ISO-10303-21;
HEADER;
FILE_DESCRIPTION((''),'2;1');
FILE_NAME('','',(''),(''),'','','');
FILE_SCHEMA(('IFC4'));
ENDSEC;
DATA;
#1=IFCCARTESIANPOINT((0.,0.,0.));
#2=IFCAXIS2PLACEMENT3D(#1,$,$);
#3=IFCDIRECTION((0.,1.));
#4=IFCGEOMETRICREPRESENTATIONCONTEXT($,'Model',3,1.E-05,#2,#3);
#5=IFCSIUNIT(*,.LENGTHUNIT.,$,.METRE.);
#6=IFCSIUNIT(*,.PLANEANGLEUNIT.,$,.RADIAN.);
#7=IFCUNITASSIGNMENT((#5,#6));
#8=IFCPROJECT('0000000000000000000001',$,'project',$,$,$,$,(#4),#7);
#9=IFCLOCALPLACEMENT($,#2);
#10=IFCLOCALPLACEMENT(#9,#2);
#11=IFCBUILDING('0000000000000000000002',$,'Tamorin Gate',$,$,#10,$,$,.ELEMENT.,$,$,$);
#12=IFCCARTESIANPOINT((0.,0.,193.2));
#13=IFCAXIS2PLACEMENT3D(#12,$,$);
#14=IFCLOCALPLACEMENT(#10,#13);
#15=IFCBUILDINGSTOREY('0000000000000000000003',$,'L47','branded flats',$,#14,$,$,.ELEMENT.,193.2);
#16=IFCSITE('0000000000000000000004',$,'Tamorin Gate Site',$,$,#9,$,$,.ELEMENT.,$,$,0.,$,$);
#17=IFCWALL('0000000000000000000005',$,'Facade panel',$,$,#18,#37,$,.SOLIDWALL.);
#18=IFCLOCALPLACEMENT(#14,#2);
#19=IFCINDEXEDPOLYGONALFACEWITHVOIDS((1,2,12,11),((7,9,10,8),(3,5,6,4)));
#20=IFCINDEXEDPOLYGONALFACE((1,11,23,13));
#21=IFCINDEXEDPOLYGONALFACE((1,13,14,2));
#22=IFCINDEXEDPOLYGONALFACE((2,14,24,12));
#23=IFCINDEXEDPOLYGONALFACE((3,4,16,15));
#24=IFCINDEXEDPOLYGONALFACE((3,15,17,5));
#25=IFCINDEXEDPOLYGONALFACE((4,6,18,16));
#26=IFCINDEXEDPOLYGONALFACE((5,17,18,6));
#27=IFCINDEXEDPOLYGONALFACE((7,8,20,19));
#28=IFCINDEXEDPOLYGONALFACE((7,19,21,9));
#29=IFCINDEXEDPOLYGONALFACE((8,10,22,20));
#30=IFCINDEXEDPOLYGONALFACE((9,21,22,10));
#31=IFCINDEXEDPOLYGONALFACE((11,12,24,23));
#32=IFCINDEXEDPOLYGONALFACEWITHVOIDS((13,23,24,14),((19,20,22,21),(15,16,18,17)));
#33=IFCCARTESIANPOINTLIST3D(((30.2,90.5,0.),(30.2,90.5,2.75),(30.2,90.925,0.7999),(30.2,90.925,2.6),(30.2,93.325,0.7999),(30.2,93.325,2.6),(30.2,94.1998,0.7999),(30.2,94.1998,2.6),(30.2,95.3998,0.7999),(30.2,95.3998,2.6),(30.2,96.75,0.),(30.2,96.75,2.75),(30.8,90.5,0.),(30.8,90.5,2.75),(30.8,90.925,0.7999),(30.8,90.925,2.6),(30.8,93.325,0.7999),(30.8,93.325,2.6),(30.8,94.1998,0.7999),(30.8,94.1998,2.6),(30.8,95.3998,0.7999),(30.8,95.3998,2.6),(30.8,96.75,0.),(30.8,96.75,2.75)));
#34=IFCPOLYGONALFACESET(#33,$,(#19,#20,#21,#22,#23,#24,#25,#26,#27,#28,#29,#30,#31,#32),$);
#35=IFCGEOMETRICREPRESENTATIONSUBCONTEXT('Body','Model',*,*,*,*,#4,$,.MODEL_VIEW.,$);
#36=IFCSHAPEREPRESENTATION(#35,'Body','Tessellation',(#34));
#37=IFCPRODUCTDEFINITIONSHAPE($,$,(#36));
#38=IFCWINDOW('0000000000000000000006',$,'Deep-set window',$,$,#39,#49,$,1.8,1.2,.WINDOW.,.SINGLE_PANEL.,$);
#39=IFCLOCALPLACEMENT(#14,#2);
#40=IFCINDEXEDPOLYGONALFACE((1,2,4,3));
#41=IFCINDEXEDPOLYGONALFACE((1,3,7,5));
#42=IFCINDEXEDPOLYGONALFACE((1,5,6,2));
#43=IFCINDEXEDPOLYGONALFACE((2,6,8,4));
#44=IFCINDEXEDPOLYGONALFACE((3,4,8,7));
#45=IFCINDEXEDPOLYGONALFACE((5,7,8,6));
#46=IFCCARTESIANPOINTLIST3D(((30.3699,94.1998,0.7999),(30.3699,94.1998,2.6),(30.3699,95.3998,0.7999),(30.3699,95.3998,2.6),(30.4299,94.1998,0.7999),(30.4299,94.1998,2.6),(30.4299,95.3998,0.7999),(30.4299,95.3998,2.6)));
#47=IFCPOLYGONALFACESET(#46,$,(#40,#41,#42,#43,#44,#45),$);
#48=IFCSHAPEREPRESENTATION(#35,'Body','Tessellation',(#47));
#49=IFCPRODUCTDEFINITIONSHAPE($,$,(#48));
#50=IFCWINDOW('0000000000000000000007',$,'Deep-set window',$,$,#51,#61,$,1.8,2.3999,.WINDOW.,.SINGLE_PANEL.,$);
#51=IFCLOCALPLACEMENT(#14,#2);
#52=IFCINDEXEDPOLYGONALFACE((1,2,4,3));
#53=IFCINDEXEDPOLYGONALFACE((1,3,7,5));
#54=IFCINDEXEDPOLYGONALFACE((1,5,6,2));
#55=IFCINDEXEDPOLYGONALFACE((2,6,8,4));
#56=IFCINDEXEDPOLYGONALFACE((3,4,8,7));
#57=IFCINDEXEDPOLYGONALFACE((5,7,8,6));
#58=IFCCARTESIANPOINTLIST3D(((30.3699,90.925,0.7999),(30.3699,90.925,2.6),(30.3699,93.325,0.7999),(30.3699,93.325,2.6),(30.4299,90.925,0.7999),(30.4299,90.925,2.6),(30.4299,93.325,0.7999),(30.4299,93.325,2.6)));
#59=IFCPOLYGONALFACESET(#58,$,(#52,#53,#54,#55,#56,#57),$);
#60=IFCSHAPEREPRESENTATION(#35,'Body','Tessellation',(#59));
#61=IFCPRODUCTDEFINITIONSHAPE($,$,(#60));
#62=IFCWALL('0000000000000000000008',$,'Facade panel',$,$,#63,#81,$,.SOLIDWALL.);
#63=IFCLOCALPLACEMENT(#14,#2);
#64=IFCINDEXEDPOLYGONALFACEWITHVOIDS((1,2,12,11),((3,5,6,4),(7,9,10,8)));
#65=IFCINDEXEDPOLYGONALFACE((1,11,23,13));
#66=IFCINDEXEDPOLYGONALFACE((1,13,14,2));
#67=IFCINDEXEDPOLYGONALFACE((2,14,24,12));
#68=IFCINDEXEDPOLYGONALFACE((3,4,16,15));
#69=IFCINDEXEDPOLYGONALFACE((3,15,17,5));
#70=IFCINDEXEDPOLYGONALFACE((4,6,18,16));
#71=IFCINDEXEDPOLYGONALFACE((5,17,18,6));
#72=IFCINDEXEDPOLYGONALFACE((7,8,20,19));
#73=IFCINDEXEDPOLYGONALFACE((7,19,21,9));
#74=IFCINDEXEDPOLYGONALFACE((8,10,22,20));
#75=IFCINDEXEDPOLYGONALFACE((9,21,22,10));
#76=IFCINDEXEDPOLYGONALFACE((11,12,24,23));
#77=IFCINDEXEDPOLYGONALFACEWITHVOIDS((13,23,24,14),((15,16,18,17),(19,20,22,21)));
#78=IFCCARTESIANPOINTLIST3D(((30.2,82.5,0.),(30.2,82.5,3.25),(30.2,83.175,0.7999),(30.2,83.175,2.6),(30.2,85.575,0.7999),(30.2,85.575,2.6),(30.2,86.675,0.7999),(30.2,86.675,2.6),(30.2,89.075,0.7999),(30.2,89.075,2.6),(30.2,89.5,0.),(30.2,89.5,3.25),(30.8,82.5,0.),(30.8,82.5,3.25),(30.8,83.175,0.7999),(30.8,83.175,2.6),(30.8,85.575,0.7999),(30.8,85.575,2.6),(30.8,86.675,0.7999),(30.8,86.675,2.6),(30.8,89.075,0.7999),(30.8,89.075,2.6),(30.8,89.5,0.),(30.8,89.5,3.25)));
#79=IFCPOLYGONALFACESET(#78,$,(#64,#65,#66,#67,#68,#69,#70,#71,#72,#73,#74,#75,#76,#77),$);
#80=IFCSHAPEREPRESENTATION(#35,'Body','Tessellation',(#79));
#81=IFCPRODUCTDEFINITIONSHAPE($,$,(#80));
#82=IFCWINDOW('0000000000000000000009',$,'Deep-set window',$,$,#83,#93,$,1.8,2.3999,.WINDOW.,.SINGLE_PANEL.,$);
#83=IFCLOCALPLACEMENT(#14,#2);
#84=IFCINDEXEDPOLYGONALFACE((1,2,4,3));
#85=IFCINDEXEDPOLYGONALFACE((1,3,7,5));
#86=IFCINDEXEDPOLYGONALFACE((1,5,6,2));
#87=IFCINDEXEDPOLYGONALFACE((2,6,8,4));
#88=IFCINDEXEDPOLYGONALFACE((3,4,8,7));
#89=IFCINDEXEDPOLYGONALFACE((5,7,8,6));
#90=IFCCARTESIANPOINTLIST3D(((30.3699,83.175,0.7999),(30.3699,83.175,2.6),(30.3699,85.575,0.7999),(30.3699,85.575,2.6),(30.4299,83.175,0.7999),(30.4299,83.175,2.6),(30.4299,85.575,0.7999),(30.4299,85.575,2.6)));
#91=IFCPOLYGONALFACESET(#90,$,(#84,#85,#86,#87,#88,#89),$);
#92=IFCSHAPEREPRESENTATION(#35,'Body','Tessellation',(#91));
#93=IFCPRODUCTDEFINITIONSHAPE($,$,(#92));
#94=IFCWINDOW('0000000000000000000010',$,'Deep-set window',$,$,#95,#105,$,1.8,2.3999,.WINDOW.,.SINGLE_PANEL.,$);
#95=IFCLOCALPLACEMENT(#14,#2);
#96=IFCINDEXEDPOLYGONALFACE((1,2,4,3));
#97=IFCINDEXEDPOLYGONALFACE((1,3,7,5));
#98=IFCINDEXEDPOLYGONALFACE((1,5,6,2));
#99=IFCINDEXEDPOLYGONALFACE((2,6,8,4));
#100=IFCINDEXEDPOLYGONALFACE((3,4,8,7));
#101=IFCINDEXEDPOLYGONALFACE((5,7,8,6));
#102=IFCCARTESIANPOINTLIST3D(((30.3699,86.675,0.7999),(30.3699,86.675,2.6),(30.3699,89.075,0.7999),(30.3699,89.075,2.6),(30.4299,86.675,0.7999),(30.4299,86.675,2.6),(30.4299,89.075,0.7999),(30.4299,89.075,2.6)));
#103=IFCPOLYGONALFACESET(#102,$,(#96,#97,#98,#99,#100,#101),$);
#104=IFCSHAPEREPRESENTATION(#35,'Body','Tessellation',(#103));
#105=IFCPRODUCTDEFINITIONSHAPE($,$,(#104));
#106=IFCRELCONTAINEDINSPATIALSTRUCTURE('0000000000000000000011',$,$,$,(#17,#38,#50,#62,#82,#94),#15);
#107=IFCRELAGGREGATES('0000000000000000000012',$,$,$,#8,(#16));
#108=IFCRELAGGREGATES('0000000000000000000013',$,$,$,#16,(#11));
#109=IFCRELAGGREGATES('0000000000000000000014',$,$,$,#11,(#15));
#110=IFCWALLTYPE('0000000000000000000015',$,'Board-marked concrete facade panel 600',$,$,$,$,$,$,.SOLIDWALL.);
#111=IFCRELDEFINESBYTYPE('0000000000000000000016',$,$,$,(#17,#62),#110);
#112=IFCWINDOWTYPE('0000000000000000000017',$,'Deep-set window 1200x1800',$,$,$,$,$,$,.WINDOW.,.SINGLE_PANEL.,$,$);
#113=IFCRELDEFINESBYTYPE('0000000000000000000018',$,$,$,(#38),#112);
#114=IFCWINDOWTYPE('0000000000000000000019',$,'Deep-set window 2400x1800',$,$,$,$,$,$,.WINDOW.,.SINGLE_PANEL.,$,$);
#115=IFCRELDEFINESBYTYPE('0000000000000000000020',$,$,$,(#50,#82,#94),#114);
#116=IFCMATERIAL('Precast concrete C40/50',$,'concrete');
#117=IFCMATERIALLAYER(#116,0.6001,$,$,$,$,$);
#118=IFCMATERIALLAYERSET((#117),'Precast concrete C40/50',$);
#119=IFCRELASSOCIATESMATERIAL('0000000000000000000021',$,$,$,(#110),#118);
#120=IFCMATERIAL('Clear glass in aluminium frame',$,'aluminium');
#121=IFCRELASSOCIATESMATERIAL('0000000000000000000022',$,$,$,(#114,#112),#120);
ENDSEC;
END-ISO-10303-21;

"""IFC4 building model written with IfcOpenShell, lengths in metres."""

from ifc_helpers import new_model, si_unit, direction, frame, frame_2d, origin, place, context, subcontext, project, spatial, rectangle, extrude, material, layer, layer_set, type_object, element, fill, save


model = new_model("IFC4")

# Units and contexts
model_context = context("Model", 3, precision=1e-05, world=origin(), true_north=direction((0.0, 1.0)))
body_context = subcontext(model_context, "Body", "Model", "MODEL_VIEW")
ifc_project = project(units=[si_unit("LENGTHUNIT", "METRE"), si_unit("PLANEANGLEUNIT", "RADIAN")], contexts=[model_context])

# Site, building, storey
site_placement = place(None, origin())
site = spatial("IfcSite", under=ifc_project, at=site_placement, Name="Tamorin Gate Site", CompositionType="ELEMENT", RefElevation=0.0)
building_placement = place(site_placement, origin())
building = spatial("IfcBuilding", under=site, at=building_placement, Name="Tamorin Gate", CompositionType="ELEMENT")
storey_placement = place(building_placement, frame((0.0, 0.0, 193.2)))
storey = spatial("IfcBuildingStorey", under=building, at=storey_placement, Name="L47", Description="branded flats", CompositionType="ELEMENT", Elevation=193.2)

# Shared definitions
ifc_material_1 = material(Name="Precast concrete C40/50", Category="concrete")
ifc_layer_1 = layer(ifc_material_1, 0.6001)
ifc_layer_set_1 = layer_set([ifc_layer_1], Name="Precast concrete C40/50")
wall_type_1 = type_object("IfcWallType", Name="Board-marked concrete facade panel 600", PredefinedType="SOLIDWALL", material=ifc_layer_set_1)

# Shared definitions
ifc_material_2 = material(Name="Clear glass in aluminium frame", Category="aluminium")
window_type_1 = type_object("IfcWindowType", Name="Deep-set window 2400x1800", PartitioningType="SINGLE_PANEL", PredefinedType="WINDOW", material=ifc_material_2)

# Walls, openings, windows
wall_1_placement = place(storey_placement, frame((30.5, 96.75, 0.0), z_axis=(0.0, 0.0, 1.0), x_axis=(0.0, -1.0, 0.0)))
wall_1 = element("IfcWall", 1, at=wall_1_placement, inside=storey, type_object=wall_type_1, Name="Facade panel", PredefinedType="SOLIDWALL", context=body_context, shape_type="SweptSolid", body=[
    extrude(rectangle(XDim=6.25, YDim=0.6001, at=frame_2d((3.125, 0.0))), origin(), (0.0, 0.0, 1.0), 2.75),
])
opening_1_placement = place(wall_1_placement, frame((3.425, 0.0, 0.8)))
opening_1 = element("IfcOpeningElement", 2, at=opening_1_placement, cuts=wall_1, PredefinedType="OPENING", context=body_context, shape_type="SweptSolid", body=[
    extrude(rectangle(XDim=2.3999, YDim=1.8, at=frame_2d((1.2, 0.8999))), frame((0.0, 0.3101, 0.0), z_axis=(0.0, -1.0, 0.0), x_axis=(1.0, 0.0, 0.0)), (0.0, 0.0, 1.0), 0.6201),
])
opening_2_placement = place(wall_1_placement, frame((1.3501, 0.0, 0.8)))
opening_2 = element("IfcOpeningElement", 3, at=opening_2_placement, cuts=wall_1, PredefinedType="OPENING", context=body_context, shape_type="SweptSolid", body=[
    extrude(rectangle(XDim=1.2, YDim=1.8, at=frame_2d((0.6001, 0.8999))), frame((0.0, 0.3101, 0.0), z_axis=(0.0, -1.0, 0.0), x_axis=(1.0, 0.0, 0.0)), (0.0, 0.0, 1.0), 0.6201),
])
window_type_2 = type_object("IfcWindowType", Name="Deep-set window 1200x1800", PartitioningType="SINGLE_PANEL", PredefinedType="WINDOW", material=ifc_material_2)
window_1_placement = place(opening_2_placement, origin())
window_1 = element("IfcWindow", 4, at=window_1_placement, inside=storey, type_object=window_type_2, Name="Deep-set window", OverallHeight=1.8, OverallWidth=1.2, PartitioningType="SINGLE_PANEL", PredefinedType="WINDOW", context=body_context, shape_type="SweptSolid", body=[
    extrude(rectangle(XDim=1.2, YDim=1.8, at=frame_2d((0.6001, 0.8999))), frame((0.0, -0.0701, 0.0), z_axis=(0.0, -1.0, 0.0), x_axis=(1.0, 0.0, 0.0)), (0.0, 0.0, 1.0), 0.0601),
])
fill(opening_2, window_1)
window_2_placement = place(opening_1_placement, origin())
window_2 = element("IfcWindow", 5, at=window_2_placement, inside=storey, type_object=window_type_1, Name="Deep-set window", OverallHeight=1.8, OverallWidth=2.3999, PartitioningType="SINGLE_PANEL", PredefinedType="WINDOW", context=body_context, shape_type="SweptSolid", body=[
********
- EXERCISE GOAL -
The first line of the entries, the line with "#21=IFCINDEXEDPOLYGONALFACE((1,13,14,2));", and every line between them should be retyped exactly, and nothing else.

- RESPONSE -
ISO-10303-21;
HEADER;
FILE_DESCRIPTION((''),'2;1');
FILE_NAME('','',(''),(''),'','','');
FILE_SCHEMA(('IFC4'));
ENDSEC;
DATA;
#1=IFCCARTESIANPOINT((0.,0.,0.));
#2=IFCAXIS2PLACEMENT3D(#1,$,$);
#3=IFCDIRECTION((0.,1.));
#4=IFCGEOMETRICREPRESENTATIONCONTEXT($,'Model',3,1.E-05,#2,#3);
#5=IFCSIUNIT(*,.LENGTHUNIT.,$,.METRE.);
#6=IFCSIUNIT(*,.PLANEANGLEUNIT.,$,.RADIAN.);
#7=IFCUNITASSIGNMENT((#5,#6));
#8=IFCPROJECT('0000000000000000000001',$,'project',$,$,$,$,(#4),#7);
#9=IFCLOCALPLACEMENT($,#2);
#10=IFCLOCALPLACEMENT(#9,#2);
#11=IFCBUILDING('0000000000000000000002',$,'Tamorin Gate',$,$,#10,$,$,.ELEMENT.,$,$,$);
#12=IFCCARTESIANPOINT((0.,0.,193.2));
#13=IFCAXIS2PLACEMENT3D(#12,$,$);
#14=IFCLOCALPLACEMENT(#10,#13);
#15=IFCBUILDINGSTOREY('0000000000000000000003',$,'L47','branded flats',$,#14,$,$,.ELEMENT.,193.2);
#16=IFCSITE('0000000000000000000004',$,'Tamorin Gate Site',$,$,#9,$,$,.ELEMENT.,$,$,0.,$,$);
#17=IFCWALL('0000000000000000000005',$,'Facade panel',$,$,#18,#37,$,.SOLIDWALL.);
#18=IFCLOCALPLACEMENT(#14,#2);
#19=IFCINDEXEDPOLYGONALFACEWITHVOIDS((1,2,12,11),((7,9,10,8),(3,5,6,4)));
#20=IFCINDEXEDPOLYGONALFACE((1,11,23,13));
#21=IFCINDEXEDPOLYGONALFACE((1,13,14,2));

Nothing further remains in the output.